- _YOUR OBJECTIVE_
Entries follow. Give back exactly the lines starting at the one containing "if body is not" and ending at the one containing "in a storey), IfcRelDefinesByType, IfcRelAssociatesMaterial", and no other lines.

= Beginning of Section =

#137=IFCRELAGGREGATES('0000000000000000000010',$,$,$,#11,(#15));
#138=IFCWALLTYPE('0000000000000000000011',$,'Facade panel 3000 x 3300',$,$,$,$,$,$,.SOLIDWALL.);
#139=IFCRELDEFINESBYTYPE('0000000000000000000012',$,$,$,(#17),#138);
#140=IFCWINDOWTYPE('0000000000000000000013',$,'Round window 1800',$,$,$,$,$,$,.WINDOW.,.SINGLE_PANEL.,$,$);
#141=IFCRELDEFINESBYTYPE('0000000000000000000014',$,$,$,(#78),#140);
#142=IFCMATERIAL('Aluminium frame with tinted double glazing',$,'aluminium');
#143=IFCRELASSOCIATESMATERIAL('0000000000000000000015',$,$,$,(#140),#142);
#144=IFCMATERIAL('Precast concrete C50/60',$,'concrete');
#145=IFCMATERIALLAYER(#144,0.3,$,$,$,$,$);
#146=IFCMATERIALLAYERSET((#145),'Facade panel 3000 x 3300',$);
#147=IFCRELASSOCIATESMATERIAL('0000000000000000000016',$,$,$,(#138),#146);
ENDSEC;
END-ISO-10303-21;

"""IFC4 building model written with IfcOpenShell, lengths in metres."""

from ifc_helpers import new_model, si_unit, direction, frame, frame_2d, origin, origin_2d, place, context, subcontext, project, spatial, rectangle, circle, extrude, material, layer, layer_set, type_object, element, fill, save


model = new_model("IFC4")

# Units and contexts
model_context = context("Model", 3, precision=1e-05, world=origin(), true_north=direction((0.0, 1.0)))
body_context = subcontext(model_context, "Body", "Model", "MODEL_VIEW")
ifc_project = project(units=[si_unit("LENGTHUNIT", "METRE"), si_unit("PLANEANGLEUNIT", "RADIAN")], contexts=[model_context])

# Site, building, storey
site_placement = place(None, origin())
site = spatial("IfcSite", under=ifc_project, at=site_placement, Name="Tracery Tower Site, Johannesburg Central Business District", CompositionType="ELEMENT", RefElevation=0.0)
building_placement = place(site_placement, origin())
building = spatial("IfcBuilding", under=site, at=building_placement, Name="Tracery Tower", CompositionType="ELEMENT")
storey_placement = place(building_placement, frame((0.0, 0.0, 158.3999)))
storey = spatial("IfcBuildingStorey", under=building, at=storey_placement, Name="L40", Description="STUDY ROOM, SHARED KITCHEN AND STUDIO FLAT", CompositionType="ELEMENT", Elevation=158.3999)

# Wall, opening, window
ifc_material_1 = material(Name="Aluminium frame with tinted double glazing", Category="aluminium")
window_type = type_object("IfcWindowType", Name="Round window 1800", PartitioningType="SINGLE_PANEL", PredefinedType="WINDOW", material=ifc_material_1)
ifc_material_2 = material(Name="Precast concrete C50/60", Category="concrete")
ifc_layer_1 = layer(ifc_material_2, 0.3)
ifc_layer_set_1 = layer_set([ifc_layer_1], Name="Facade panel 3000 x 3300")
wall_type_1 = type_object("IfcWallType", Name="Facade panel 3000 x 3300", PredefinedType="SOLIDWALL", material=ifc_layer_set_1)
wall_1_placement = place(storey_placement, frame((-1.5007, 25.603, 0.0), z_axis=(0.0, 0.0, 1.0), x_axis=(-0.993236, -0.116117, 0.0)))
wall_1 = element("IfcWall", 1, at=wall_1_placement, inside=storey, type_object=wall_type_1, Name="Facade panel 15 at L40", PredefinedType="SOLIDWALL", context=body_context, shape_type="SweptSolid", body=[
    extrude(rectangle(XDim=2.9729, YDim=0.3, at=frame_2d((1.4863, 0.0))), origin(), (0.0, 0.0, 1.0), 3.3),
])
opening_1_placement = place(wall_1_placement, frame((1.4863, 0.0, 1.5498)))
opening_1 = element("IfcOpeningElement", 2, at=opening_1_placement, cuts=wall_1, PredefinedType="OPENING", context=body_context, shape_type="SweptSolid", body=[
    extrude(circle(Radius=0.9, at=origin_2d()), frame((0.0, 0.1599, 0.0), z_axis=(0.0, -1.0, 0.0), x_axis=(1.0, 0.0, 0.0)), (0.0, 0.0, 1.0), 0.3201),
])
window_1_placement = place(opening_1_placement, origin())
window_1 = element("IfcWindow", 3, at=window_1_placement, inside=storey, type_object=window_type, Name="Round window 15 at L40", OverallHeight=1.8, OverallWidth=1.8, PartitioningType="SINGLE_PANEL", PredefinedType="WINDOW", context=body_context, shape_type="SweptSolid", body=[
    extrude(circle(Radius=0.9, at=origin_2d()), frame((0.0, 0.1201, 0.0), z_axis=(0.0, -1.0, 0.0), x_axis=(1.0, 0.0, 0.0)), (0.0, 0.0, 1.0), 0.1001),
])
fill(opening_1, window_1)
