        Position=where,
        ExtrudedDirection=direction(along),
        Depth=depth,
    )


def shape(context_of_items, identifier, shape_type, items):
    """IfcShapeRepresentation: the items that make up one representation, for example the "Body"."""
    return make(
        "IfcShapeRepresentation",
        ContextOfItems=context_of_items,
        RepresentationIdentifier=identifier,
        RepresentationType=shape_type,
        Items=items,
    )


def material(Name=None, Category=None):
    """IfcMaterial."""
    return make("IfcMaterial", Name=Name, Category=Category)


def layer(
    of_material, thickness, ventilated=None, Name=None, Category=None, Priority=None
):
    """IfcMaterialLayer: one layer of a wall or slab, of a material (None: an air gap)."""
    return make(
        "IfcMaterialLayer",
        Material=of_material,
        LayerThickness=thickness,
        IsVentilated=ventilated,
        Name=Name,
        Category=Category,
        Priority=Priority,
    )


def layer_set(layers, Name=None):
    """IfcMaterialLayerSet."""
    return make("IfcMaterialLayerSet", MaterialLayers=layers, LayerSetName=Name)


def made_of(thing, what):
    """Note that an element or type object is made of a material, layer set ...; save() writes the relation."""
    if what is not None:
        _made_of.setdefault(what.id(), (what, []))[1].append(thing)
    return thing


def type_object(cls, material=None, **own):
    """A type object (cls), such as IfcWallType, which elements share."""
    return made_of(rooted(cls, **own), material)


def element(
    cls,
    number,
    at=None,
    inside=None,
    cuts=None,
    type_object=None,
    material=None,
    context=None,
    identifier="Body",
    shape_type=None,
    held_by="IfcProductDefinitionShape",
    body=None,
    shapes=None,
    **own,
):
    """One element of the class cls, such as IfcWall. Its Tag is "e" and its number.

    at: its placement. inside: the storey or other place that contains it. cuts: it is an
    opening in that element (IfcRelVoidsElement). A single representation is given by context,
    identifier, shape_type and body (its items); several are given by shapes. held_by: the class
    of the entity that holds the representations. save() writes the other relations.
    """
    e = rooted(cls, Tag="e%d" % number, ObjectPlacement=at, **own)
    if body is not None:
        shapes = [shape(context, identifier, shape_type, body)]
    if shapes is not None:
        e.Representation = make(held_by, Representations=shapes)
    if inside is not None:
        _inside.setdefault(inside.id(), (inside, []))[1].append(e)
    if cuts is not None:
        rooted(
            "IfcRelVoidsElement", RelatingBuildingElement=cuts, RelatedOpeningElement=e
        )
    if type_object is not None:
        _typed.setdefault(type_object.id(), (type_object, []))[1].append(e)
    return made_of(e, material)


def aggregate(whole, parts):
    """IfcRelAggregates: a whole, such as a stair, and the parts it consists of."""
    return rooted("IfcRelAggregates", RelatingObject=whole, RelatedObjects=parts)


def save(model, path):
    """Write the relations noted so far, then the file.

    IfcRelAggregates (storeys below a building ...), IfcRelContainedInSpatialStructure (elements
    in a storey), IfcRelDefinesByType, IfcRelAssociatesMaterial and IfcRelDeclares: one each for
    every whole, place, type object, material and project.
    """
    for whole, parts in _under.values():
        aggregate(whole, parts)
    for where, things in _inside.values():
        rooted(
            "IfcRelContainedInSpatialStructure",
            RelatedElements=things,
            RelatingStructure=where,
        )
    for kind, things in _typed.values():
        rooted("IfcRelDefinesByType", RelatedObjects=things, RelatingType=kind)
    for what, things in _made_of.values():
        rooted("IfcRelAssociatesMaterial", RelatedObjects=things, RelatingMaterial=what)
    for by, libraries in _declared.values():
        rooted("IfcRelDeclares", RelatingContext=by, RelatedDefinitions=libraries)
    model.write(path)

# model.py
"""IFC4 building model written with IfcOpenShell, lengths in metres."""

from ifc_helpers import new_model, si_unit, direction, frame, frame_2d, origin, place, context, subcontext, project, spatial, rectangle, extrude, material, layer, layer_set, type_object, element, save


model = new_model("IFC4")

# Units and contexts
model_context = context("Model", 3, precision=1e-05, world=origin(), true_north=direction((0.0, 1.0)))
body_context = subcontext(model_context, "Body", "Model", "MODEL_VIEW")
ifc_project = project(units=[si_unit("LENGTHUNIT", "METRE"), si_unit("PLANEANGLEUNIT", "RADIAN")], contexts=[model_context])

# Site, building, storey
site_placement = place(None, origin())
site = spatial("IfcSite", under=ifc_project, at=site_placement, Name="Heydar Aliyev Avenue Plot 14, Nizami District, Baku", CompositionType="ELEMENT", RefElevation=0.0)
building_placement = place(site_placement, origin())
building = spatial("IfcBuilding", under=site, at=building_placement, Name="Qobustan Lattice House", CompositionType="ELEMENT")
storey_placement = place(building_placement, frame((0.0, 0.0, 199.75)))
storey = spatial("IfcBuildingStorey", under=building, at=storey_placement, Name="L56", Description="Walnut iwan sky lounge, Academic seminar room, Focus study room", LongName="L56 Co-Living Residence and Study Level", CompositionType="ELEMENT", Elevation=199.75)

= End of Section =

- _RESULT_
    if body is not None:
        shapes = [shape(context, identifier, shape_type, body)]
    if shapes is not None:
        e.Representation = make(held_by, Representations=shapes)
    if inside is not None:
        _inside.setdefault(inside.id(), (inside, []))[1].append(e)
    if cuts is not None:
        rooted(
            "IfcRelVoidsElement", RelatingBuildingElement=cuts, RelatedOpeningElement=e
        )
    if type_object is not None:
        _typed.setdefault(type_object.id(), (type_object, []))[1].append(e)
    return made_of(e, material)


def aggregate(whole, parts):
    """IfcRelAggregates: a whole, such as a stair, and the parts it consists of."""
    return rooted("IfcRelAggregates", RelatingObject=whole, RelatedObjects=parts)


def save(model, path):
    """Write the relations noted so far, then the file.

    IfcRelAggregates (storeys below a building ...), IfcRelContainedInSpatialStructure (elements
    in a storey), IfcRelDefinesByType, IfcRelAssociatesMaterial and IfcRelDeclares: one each for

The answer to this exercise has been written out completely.